INPUT RECORDS |
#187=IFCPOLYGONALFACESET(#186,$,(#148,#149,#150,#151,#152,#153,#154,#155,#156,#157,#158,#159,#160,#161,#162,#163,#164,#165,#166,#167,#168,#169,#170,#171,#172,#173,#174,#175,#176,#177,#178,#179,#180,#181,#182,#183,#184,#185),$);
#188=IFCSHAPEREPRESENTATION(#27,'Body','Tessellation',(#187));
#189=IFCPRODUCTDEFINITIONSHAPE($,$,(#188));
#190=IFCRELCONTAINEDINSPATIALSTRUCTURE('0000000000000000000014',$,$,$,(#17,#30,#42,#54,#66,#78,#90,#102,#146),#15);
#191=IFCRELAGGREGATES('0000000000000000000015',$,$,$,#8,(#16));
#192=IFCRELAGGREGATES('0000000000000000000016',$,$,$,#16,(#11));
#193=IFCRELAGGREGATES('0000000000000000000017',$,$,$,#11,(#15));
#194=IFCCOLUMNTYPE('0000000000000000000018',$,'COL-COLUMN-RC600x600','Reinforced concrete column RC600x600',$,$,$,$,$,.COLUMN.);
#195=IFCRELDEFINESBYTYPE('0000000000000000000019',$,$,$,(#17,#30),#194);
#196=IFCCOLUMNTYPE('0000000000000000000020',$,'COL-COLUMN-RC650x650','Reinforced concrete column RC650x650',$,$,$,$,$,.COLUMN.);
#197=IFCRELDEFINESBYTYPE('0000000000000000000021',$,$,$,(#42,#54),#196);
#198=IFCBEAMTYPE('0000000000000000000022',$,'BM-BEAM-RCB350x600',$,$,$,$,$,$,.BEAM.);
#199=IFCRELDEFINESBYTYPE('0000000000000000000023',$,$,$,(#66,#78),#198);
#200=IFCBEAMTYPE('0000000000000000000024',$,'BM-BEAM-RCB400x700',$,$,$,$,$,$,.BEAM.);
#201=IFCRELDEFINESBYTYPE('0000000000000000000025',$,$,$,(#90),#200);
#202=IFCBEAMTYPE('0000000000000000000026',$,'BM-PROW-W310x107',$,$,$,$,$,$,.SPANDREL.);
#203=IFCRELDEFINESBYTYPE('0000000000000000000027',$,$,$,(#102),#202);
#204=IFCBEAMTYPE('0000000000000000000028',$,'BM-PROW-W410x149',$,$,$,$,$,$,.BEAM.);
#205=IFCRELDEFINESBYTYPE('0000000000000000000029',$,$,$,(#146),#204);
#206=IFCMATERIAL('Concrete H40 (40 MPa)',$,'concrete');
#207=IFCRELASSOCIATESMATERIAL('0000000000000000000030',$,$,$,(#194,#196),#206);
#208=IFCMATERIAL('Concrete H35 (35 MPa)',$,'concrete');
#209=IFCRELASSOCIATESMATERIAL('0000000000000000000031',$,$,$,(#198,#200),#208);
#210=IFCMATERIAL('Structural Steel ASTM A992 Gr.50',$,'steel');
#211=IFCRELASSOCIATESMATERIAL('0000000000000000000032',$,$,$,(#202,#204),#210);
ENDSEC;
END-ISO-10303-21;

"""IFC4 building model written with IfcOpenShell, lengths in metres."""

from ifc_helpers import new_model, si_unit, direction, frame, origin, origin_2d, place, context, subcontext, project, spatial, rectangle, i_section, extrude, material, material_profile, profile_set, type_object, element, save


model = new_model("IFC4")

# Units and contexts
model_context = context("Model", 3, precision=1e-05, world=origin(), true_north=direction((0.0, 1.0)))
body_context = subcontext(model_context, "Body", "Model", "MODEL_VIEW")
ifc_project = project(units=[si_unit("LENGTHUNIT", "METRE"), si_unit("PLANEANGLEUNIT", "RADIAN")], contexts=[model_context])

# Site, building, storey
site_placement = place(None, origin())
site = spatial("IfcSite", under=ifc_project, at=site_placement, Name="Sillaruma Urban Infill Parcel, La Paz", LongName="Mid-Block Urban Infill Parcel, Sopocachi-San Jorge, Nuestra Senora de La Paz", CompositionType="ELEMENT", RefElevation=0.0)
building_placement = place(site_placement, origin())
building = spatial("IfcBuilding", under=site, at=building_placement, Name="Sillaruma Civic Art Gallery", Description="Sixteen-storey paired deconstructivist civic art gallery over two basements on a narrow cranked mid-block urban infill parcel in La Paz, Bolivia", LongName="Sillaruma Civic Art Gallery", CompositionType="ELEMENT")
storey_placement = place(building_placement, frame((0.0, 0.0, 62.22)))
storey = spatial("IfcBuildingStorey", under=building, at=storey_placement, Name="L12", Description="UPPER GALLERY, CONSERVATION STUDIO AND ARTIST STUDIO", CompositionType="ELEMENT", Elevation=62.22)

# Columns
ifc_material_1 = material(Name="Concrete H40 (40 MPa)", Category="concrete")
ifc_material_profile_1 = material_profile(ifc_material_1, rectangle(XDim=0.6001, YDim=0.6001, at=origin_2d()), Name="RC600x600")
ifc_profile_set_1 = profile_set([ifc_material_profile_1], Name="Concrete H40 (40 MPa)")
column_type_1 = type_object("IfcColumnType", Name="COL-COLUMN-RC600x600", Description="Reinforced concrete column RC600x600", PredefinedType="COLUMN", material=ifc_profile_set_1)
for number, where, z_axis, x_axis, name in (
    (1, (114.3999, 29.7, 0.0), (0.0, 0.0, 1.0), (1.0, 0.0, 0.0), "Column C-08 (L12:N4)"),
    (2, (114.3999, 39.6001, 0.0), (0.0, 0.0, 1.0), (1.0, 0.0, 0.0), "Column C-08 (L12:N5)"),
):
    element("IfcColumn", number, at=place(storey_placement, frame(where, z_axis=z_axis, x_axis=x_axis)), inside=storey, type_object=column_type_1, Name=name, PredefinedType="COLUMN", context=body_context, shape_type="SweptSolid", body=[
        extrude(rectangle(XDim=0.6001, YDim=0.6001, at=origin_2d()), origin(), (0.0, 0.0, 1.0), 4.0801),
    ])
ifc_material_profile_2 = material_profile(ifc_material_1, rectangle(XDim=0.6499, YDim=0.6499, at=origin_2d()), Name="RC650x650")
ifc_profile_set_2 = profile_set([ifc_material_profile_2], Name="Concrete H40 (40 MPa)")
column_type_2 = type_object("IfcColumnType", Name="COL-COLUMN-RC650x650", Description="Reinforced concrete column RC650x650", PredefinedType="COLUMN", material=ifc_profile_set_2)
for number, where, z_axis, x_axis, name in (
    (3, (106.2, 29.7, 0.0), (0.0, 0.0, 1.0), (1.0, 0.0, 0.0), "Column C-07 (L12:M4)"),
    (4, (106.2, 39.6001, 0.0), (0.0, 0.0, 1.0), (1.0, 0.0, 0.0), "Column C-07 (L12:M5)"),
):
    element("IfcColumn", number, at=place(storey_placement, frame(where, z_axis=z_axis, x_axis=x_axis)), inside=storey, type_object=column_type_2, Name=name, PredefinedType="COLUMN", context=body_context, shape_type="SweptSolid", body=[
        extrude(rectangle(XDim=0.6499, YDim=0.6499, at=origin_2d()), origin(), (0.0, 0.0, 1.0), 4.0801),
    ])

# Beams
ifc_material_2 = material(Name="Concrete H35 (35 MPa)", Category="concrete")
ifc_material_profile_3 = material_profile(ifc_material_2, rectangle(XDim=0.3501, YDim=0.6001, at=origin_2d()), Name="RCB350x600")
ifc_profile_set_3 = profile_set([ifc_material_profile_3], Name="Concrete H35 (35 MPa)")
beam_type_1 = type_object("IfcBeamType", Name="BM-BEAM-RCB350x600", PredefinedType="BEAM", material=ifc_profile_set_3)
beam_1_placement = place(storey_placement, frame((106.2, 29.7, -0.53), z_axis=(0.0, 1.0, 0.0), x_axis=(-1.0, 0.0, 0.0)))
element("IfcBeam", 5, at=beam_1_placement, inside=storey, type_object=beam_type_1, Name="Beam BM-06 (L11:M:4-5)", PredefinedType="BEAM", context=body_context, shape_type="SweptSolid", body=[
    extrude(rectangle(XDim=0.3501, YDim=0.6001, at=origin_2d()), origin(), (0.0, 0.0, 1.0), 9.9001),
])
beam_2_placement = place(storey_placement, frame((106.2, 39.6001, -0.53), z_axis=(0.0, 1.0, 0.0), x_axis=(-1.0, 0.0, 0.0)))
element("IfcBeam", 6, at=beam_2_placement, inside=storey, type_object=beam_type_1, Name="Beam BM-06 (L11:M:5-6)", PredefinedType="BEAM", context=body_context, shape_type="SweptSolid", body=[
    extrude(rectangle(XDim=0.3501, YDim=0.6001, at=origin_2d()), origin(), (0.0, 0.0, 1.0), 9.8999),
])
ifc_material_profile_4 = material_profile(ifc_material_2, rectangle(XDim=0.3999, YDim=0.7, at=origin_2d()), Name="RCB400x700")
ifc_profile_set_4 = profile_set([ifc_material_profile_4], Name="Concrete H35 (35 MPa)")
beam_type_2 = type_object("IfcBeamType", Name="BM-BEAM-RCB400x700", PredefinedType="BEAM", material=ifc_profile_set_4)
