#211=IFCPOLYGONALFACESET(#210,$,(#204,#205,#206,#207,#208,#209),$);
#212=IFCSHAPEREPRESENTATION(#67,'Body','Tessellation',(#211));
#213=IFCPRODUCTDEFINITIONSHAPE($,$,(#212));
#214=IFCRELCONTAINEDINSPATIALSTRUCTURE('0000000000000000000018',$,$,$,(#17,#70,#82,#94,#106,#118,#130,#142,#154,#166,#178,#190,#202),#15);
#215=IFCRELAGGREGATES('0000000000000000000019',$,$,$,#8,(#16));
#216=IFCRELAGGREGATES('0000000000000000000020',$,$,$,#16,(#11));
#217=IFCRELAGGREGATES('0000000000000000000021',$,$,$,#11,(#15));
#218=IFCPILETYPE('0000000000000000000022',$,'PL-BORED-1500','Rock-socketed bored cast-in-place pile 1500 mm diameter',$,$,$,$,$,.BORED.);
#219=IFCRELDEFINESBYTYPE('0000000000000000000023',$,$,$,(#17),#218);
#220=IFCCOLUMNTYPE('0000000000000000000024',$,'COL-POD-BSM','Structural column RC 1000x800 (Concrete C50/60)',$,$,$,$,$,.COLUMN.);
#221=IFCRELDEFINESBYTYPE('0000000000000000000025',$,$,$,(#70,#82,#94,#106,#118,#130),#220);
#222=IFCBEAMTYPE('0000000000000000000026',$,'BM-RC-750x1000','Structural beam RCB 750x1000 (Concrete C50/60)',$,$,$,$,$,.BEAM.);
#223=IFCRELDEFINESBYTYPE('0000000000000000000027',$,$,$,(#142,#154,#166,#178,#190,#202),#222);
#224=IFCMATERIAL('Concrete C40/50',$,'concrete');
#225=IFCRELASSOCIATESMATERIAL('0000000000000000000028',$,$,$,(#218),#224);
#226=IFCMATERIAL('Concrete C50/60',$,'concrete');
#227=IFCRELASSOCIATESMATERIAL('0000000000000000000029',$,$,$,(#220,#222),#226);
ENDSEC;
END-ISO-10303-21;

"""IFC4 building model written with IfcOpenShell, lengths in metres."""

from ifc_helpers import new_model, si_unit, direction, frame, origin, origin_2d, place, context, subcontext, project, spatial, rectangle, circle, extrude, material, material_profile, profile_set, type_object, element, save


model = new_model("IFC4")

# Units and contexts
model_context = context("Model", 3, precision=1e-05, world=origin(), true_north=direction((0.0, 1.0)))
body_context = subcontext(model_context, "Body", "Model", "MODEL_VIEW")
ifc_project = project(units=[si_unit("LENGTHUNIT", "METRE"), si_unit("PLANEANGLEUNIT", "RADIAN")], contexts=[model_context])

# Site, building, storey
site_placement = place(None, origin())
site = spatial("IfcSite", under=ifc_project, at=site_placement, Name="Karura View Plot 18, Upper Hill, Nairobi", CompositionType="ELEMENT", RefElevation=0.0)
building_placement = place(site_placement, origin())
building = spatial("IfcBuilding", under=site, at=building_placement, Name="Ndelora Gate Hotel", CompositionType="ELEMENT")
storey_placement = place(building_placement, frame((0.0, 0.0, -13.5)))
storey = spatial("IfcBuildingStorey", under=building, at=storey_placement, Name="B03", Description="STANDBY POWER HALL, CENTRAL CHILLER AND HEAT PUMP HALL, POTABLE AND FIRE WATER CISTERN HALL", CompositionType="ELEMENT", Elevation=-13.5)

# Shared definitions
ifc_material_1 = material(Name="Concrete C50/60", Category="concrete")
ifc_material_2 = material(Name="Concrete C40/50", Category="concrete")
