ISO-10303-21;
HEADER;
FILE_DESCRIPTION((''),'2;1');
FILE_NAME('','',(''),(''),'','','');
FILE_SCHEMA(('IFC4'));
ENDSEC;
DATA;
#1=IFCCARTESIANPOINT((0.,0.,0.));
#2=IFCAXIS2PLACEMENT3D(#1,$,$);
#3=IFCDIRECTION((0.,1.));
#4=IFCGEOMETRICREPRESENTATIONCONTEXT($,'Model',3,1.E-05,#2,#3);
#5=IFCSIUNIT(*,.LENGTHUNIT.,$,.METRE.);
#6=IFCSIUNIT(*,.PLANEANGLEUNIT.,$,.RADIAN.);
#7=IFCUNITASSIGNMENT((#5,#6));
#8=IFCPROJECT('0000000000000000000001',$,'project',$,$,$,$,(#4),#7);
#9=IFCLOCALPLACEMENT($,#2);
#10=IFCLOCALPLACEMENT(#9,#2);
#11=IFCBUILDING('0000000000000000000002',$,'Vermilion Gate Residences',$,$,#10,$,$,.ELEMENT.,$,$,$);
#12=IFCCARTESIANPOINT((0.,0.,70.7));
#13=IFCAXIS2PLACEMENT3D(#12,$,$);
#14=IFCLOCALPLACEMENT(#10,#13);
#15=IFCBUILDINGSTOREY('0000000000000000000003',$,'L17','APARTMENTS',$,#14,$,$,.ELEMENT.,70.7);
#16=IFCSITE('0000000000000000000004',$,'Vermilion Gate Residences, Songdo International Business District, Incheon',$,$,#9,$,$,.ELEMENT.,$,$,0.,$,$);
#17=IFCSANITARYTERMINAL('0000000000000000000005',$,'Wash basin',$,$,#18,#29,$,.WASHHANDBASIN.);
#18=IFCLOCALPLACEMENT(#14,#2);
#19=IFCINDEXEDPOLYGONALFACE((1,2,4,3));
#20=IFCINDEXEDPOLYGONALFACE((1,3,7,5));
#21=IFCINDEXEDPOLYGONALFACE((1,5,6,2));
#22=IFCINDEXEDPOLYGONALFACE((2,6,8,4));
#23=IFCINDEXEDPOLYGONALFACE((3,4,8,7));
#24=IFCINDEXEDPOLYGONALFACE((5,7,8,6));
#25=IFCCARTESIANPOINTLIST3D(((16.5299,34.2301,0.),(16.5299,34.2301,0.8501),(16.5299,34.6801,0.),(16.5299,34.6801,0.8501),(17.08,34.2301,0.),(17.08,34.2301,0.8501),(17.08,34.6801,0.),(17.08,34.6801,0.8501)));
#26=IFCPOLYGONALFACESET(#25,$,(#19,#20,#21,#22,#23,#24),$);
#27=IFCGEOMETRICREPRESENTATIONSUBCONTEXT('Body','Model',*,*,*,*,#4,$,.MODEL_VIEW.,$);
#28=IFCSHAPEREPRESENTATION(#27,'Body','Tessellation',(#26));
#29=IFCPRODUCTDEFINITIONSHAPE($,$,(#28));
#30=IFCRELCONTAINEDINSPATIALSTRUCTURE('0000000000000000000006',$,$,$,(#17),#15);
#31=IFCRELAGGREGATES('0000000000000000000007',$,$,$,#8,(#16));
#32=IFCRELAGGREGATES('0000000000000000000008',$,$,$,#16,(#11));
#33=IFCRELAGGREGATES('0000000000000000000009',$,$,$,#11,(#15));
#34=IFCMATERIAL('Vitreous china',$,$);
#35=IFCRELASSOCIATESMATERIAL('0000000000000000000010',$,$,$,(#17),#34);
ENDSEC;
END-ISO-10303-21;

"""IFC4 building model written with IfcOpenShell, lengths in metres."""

from ifc_helpers import new_model, si_unit, direction, frame, origin, origin_2d, place, context, subcontext, project, spatial, rectangle, extrude, material, element, save


model = new_model("IFC4")

# Units and contexts
model_context = context("Model", 3, precision=1e-05, world=origin(), true_north=direction((0.0, 1.0)))
body_context = subcontext(model_context, "Body", "Model", "MODEL_VIEW")
ifc_project = project(units=[si_unit("LENGTHUNIT", "METRE"), si_unit("PLANEANGLEUNIT", "RADIAN")], contexts=[model_context])

# Site, building, storey
site_placement = place(None, origin())
site = spatial("IfcSite", under=ifc_project, at=site_placement, Name="Vermilion Gate Residences, Songdo International Business District, Incheon", CompositionType="ELEMENT", RefElevation=0.0)
building_placement = place(site_placement, origin())
building = spatial("IfcBuilding", under=site, at=building_placement, Name="Vermilion Gate Residences", CompositionType="ELEMENT")
storey_placement = place(building_placement, frame((0.0, 0.0, 70.7)))
storey = spatial("IfcBuildingStorey", under=building, at=storey_placement, Name="L17", Description="APARTMENTS", CompositionType="ELEMENT", Elevation=70.7)

# Sanitary terminal
ifc_material_1 = material(Name="Vitreous china")
sanitary_terminal_1_placement = place(storey_placement, frame((16.8049, 34.4551, 0.0), z_axis=(0.0, 0.0, 1.0), x_axis=(1.0, 0.0, 0.0)))
element("IfcSanitaryTerminal", 1, at=sanitary_terminal_1_placement, inside=storey, material=ifc_material_1, Name="Wash basin", PredefinedType="WASHHANDBASIN", context=body_context, shape_type="SweptSolid", body=[
    extrude(rectangle(XDim=0.55, YDim=0.45, at=origin_2d()), origin(), (0.0, 0.0, 1.0), 0.8501),
])

save(model, "model.ifc")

PROBLEM REQUIREMENTS |
Return, unchanged, the run of lines above that opens with the line containing "Business District, Incheon',$,$,#9,$,$,.ELEMENT.,$,$,0.,$,$);" and closes with the line containing "#18=IFCLOCALPLACEMENT(#14,#2);". Include both.

EXERCISE RESPONSE |
#16=IFCSITE('0000000000000000000004',$,'Vermilion Gate Residences, Songdo International Business District, Incheon',$,$,#9,$,$,.ELEMENT.,$,$,0.,$,$);
#17=IFCSANITARYTERMINAL('0000000000000000000005',$,'Wash basin',$,$,#18,#29,$,.WASHHANDBASIN.);
#18=IFCLOCALPLACEMENT(#14,#2);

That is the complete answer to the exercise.